---------- DATA FOR PROCESSING

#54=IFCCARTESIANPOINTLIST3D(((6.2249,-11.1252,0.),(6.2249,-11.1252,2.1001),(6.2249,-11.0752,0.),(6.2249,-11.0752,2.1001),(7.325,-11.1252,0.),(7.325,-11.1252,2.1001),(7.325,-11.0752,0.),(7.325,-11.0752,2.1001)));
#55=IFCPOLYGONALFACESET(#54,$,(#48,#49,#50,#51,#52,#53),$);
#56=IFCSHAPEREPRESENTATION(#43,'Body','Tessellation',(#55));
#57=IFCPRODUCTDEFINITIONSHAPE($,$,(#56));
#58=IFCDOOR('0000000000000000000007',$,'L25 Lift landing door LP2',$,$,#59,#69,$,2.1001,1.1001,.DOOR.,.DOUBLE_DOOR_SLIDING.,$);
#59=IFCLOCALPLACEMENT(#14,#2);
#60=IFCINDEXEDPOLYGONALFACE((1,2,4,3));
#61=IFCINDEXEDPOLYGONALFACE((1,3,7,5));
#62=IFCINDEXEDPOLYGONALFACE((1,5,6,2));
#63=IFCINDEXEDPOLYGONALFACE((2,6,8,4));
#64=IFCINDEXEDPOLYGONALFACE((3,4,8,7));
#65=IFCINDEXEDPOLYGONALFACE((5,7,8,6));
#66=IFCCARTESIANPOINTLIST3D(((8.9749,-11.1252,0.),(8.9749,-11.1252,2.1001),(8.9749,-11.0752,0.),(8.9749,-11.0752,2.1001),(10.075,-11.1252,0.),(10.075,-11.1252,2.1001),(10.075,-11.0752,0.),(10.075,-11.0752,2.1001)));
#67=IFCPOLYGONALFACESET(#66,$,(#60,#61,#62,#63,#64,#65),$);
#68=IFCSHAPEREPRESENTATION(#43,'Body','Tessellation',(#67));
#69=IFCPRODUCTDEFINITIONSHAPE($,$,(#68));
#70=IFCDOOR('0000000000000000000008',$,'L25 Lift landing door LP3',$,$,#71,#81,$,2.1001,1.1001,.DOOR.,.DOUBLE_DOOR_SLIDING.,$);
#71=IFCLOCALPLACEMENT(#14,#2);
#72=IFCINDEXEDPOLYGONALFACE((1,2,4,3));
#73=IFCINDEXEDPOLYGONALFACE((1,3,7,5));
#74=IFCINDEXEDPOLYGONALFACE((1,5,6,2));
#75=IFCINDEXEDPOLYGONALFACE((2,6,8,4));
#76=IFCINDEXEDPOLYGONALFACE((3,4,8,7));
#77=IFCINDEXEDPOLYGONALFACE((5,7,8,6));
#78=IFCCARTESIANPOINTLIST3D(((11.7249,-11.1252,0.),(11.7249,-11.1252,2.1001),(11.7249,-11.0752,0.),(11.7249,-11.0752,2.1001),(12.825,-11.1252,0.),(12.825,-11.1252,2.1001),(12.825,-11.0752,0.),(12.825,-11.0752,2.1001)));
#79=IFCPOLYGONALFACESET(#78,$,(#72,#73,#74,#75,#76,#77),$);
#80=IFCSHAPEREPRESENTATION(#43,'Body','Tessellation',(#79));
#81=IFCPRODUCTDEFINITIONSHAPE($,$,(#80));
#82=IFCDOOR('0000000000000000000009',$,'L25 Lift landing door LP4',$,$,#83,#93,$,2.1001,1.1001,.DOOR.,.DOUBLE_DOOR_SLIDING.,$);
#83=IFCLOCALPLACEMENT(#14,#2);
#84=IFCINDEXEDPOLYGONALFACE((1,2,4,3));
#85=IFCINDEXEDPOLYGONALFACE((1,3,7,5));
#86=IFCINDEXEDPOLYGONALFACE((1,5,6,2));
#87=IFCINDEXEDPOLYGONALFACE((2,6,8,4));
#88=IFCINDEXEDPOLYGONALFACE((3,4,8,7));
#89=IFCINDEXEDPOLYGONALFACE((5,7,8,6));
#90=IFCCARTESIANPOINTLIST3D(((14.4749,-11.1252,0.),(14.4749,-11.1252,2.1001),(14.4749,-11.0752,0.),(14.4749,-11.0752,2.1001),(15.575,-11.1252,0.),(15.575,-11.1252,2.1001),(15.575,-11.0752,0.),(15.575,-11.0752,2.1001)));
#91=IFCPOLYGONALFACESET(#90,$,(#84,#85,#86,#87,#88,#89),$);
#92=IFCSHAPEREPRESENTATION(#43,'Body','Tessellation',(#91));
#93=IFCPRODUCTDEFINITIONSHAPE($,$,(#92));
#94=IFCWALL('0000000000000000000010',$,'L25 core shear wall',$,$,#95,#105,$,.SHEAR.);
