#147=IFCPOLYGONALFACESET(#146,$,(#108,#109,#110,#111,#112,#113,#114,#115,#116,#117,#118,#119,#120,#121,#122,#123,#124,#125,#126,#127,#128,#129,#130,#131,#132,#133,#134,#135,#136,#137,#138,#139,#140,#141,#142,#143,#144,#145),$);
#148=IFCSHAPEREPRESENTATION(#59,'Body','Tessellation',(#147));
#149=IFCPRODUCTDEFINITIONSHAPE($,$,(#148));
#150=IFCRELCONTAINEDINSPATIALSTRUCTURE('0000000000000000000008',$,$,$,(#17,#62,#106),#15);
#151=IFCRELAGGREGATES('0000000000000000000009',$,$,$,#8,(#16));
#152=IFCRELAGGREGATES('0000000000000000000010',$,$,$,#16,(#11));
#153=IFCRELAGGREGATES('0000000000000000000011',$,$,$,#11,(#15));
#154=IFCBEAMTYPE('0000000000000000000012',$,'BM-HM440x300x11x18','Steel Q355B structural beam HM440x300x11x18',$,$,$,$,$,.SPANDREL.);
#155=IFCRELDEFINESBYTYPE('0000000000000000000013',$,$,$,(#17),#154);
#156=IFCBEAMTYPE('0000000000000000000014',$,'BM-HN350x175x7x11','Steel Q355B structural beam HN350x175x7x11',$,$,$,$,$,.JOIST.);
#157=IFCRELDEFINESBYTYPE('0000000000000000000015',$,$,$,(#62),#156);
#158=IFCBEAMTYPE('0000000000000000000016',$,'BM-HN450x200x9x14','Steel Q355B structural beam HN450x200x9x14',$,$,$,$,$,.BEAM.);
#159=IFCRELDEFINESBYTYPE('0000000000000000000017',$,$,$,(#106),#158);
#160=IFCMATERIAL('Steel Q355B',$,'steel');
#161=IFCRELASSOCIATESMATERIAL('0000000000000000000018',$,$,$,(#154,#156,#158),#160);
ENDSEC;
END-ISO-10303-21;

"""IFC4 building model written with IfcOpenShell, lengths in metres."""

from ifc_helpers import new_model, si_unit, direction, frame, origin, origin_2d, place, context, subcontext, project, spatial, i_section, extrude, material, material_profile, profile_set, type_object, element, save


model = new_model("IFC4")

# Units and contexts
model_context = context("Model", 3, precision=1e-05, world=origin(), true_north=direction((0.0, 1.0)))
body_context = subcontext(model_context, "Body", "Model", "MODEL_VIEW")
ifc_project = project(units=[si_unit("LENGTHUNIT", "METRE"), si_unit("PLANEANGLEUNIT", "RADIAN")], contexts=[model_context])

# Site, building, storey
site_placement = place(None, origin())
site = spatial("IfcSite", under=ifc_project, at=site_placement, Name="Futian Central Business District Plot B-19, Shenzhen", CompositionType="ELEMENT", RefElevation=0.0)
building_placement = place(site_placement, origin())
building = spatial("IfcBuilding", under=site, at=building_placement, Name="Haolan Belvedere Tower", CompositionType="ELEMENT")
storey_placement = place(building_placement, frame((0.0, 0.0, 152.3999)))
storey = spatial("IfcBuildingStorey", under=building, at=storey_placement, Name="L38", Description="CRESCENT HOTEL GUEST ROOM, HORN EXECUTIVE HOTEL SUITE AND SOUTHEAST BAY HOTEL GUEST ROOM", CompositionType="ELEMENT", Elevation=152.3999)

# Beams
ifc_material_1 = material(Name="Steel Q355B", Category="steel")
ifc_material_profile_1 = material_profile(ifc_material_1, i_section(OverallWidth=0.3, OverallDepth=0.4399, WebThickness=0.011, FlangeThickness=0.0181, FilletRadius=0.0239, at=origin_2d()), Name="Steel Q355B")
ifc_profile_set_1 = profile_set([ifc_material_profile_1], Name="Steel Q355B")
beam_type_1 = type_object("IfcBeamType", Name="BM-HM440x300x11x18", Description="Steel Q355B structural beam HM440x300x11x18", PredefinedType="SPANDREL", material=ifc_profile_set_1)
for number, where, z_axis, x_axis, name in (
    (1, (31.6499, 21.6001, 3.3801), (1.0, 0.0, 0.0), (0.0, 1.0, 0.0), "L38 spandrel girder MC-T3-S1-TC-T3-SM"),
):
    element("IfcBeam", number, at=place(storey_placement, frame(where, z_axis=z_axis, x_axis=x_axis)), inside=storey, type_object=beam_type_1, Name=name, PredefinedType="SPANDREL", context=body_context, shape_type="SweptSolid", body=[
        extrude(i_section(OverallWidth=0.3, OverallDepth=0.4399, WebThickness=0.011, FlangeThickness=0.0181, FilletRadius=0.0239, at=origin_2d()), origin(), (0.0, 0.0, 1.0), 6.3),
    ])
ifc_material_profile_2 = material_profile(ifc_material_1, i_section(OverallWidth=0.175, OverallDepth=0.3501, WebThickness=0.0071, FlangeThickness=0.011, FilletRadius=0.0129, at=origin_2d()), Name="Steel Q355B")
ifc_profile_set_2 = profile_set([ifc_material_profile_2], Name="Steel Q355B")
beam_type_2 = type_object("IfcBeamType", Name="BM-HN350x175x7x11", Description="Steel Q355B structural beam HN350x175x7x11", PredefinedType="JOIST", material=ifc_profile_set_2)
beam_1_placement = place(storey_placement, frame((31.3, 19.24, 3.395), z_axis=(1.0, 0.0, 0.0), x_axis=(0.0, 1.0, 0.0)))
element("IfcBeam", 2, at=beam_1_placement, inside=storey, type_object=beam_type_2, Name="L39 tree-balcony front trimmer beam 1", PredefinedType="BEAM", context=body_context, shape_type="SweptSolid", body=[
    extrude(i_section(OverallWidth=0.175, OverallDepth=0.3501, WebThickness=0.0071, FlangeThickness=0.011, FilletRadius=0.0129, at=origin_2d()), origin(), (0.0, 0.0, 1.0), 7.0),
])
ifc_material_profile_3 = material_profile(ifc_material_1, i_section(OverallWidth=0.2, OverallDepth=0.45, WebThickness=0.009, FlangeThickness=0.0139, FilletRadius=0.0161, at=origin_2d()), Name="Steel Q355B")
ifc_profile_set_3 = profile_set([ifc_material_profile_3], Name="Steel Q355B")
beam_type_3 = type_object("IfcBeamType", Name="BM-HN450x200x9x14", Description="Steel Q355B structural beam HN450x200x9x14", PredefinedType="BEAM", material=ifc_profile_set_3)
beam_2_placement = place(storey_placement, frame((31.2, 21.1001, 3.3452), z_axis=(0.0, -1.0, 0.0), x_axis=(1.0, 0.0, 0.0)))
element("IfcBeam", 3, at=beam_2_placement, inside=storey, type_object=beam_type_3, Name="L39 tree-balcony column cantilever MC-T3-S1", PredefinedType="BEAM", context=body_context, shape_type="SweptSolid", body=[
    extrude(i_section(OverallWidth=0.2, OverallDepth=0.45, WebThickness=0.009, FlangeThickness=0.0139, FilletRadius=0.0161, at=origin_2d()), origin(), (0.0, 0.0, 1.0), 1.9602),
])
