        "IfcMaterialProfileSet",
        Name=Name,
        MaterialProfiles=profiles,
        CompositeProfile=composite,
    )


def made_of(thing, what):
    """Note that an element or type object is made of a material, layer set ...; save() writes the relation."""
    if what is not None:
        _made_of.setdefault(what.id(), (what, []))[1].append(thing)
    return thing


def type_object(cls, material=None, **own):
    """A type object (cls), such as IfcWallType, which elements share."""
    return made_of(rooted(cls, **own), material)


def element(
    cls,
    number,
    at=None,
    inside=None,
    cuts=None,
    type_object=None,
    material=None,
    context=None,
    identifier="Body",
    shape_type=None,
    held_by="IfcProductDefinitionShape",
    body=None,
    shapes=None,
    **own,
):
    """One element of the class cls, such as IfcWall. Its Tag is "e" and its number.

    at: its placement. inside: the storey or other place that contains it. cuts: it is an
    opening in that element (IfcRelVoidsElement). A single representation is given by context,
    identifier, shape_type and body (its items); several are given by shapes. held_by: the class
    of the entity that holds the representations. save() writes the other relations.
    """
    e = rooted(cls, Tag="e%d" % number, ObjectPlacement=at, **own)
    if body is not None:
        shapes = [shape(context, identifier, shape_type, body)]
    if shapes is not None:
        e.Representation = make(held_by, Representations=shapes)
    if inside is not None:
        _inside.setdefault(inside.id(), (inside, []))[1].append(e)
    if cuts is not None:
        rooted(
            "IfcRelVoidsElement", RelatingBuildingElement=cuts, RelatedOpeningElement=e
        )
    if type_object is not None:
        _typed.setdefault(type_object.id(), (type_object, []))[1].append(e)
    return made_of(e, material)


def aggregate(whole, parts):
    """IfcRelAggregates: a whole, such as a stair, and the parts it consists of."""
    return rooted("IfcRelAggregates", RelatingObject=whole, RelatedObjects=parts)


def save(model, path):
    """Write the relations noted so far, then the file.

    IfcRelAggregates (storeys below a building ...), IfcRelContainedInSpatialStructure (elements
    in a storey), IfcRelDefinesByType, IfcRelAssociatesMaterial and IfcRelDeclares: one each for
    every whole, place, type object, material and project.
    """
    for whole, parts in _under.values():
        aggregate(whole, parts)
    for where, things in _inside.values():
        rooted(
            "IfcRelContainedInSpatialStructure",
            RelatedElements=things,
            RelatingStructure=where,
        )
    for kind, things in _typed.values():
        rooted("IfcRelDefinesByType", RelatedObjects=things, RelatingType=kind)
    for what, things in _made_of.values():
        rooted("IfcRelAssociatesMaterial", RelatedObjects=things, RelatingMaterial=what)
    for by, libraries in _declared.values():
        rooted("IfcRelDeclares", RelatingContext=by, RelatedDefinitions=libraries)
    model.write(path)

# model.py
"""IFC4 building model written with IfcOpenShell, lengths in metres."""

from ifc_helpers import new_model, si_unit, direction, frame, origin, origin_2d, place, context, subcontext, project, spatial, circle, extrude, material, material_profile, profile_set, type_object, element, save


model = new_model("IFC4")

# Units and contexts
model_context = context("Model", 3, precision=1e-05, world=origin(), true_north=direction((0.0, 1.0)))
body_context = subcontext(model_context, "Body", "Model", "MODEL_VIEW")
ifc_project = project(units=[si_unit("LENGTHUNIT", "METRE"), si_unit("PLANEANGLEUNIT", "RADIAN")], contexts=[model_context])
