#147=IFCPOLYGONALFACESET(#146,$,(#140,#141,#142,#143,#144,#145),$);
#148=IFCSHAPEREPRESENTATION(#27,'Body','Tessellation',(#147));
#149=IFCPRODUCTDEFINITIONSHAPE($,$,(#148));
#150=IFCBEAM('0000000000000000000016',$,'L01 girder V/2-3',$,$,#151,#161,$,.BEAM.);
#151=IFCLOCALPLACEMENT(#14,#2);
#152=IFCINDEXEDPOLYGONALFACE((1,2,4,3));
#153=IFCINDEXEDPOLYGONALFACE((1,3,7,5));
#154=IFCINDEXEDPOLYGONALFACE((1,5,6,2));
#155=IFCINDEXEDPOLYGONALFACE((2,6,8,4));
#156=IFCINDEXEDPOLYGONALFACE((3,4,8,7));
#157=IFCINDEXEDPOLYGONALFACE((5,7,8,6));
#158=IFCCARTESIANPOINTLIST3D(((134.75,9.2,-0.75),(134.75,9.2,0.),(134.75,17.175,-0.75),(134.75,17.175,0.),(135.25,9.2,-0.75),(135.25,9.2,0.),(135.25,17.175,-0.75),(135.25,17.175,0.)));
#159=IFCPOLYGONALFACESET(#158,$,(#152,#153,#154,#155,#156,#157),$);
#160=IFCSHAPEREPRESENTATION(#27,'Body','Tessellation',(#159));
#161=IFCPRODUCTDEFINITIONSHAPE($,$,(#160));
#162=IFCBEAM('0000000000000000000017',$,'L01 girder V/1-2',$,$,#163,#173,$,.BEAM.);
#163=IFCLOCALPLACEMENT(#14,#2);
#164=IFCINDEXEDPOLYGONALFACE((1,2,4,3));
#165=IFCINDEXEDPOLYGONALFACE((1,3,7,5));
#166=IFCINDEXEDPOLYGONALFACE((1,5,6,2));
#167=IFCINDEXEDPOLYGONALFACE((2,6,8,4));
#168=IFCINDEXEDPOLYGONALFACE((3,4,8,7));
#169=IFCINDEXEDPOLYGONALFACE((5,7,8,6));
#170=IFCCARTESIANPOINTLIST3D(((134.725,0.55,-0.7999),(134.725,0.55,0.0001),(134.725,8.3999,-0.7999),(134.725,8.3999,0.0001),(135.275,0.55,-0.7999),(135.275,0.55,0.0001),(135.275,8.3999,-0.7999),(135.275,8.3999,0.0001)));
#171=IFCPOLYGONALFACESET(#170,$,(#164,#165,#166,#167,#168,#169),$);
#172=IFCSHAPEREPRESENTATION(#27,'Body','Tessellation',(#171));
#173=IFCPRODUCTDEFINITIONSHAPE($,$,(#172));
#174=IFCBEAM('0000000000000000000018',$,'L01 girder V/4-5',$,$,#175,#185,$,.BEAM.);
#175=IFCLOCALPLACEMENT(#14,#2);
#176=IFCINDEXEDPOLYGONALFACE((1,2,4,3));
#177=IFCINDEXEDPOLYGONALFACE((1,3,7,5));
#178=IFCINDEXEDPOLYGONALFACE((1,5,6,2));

--------------------

DIRECTIONS: Only the lines that hold the word "such" are wanted; each should be pulled from the records.

ANSWER BOX:
    """A type object (cls), such as IfcWallType, which elements share."""
    """One element of the class cls, such as IfcWall. Its Tag is "e" and its number.
    """IfcRelAggregates: a whole, such as a stair, and the parts it consists of."""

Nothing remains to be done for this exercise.